- _TASK INSTRUCTIONS_:
Please reproduce the final stretch of the listing below: the line that contains "#133=IFCINDEXEDPOLYGONALFACE((45,48,104,101));" and all lines after it, verbatim, with nothing else.
========================================================================
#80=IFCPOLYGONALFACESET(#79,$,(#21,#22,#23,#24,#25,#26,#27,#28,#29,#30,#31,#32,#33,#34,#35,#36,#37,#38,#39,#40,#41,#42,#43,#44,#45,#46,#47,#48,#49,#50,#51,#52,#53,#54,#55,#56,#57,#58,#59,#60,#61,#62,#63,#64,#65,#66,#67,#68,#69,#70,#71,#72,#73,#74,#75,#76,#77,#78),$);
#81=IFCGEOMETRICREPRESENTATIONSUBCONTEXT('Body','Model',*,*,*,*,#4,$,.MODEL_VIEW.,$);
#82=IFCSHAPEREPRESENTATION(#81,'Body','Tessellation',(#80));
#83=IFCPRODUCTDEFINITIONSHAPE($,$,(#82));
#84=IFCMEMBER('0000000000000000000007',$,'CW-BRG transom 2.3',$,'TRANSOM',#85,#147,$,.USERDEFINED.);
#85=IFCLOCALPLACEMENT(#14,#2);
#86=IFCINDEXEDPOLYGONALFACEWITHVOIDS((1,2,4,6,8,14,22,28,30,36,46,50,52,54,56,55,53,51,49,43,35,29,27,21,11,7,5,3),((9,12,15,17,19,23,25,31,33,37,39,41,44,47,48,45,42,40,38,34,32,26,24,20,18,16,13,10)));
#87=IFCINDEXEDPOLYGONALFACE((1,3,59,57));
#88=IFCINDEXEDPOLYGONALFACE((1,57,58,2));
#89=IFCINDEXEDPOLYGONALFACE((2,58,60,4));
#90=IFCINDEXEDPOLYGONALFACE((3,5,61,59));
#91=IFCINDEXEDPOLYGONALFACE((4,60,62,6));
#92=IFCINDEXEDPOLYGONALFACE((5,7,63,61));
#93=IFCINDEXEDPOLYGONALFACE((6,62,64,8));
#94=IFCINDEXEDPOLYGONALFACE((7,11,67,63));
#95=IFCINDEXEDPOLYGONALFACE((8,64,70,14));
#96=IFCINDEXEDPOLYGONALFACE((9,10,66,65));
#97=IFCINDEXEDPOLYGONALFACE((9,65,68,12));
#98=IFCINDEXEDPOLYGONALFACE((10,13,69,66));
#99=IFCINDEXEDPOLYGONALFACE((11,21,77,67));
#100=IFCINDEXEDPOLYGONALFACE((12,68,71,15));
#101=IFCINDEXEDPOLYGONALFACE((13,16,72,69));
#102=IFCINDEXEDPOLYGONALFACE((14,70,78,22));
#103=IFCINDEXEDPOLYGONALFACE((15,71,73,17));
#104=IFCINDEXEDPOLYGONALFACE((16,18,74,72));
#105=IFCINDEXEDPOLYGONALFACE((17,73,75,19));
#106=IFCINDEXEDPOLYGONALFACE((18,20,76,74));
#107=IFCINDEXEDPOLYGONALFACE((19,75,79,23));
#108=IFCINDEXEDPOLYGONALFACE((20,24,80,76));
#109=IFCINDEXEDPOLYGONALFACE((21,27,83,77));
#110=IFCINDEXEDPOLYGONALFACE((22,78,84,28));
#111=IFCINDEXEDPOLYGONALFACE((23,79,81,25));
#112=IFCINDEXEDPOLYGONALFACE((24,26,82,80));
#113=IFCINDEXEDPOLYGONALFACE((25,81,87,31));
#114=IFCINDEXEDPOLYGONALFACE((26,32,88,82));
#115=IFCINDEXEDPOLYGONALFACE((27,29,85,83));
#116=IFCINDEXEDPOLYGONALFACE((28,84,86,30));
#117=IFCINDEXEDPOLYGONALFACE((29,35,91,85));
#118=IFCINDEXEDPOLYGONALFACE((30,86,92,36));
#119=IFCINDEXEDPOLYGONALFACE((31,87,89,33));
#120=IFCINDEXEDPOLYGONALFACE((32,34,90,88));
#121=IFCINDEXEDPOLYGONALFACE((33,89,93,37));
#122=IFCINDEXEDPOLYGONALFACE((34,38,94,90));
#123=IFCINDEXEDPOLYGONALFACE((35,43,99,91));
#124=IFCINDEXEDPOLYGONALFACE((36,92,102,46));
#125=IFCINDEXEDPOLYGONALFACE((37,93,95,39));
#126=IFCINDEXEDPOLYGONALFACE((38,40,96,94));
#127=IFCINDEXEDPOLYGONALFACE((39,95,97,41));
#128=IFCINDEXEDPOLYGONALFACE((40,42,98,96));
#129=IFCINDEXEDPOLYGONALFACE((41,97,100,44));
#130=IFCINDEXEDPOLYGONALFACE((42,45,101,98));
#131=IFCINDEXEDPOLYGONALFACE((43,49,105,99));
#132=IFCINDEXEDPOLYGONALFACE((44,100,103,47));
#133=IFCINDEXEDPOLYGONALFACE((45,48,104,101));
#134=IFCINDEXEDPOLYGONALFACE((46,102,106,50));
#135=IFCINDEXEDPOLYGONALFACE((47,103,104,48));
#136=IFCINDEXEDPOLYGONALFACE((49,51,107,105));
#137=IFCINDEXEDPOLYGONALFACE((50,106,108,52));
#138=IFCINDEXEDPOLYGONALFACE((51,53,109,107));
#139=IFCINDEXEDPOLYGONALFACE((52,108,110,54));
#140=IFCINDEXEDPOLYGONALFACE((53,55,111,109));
========================================================================
- _WRITTEN SOLUTION_:
#133=IFCINDEXEDPOLYGONALFACE((45,48,104,101));
#134=IFCINDEXEDPOLYGONALFACE((46,102,106,50));
#135=IFCINDEXEDPOLYGONALFACE((47,103,104,48));
#136=IFCINDEXEDPOLYGONALFACE((49,51,107,105));
#137=IFCINDEXEDPOLYGONALFACE((50,106,108,52));
#138=IFCINDEXEDPOLYGONALFACE((51,53,109,107));
#139=IFCINDEXEDPOLYGONALFACE((52,108,110,54));
#140=IFCINDEXEDPOLYGONALFACE((53,55,111,109));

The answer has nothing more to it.